YOUR INSTRUCTIONS: When the line containing "#223=IFCMEMBERTYPE('0000000000000000000035',$,'ECW2 mullion 60" is found in the data below, copy it and each line after it through the line containing "#233=IFCMATERIAL('Anodised aluminium extrusion',$,'aluminium');", exactly and with no others.
>>
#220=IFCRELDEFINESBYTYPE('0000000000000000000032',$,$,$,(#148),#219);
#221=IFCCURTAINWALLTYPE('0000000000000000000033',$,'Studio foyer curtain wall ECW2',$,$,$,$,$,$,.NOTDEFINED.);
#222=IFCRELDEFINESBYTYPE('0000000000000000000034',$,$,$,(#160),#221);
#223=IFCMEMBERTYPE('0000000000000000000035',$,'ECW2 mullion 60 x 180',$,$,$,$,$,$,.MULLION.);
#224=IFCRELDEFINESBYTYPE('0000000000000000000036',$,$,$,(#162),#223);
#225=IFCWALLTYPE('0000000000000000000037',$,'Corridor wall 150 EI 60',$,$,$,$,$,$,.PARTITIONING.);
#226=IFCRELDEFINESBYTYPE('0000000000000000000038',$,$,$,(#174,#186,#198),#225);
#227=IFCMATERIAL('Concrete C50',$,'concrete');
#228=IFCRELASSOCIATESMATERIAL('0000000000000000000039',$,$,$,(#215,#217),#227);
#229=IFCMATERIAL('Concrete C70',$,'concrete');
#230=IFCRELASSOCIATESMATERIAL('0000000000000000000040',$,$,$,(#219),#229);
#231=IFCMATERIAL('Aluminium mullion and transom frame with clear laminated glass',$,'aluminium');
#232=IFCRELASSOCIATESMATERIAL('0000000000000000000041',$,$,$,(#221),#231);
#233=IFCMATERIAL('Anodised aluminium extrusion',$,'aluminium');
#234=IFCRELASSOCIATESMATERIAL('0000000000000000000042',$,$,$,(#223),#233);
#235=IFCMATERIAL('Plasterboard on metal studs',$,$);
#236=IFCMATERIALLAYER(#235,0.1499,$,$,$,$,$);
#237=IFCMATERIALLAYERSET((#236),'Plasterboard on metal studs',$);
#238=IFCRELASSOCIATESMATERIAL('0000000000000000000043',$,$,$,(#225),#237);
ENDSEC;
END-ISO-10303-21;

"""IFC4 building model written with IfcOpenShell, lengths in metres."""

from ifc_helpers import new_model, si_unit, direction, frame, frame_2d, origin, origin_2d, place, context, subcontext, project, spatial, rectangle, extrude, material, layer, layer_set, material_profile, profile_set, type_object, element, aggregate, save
<<
ANSWER TO THIS EXERCISE:
#223=IFCMEMBERTYPE('0000000000000000000035',$,'ECW2 mullion 60 x 180',$,$,$,$,$,$,.MULLION.);
#224=IFCRELDEFINESBYTYPE('0000000000000000000036',$,$,$,(#162),#223);
#225=IFCWALLTYPE('0000000000000000000037',$,'Corridor wall 150 EI 60',$,$,$,$,$,$,.PARTITIONING.);
#226=IFCRELDEFINESBYTYPE('0000000000000000000038',$,$,$,(#174,#186,#198),#225);
#227=IFCMATERIAL('Concrete C50',$,'concrete');
#228=IFCRELASSOCIATESMATERIAL('0000000000000000000039',$,$,$,(#215,#217),#227);
#229=IFCMATERIAL('Concrete C70',$,'concrete');
#230=IFCRELASSOCIATESMATERIAL('0000000000000000000040',$,$,$,(#219),#229);
#231=IFCMATERIAL('Aluminium mullion and transom frame with clear laminated glass',$,'aluminium');
#232=IFCRELASSOCIATESMATERIAL('0000000000000000000041',$,$,$,(#221),#231);
#233=IFCMATERIAL('Anodised aluminium extrusion',$,'aluminium');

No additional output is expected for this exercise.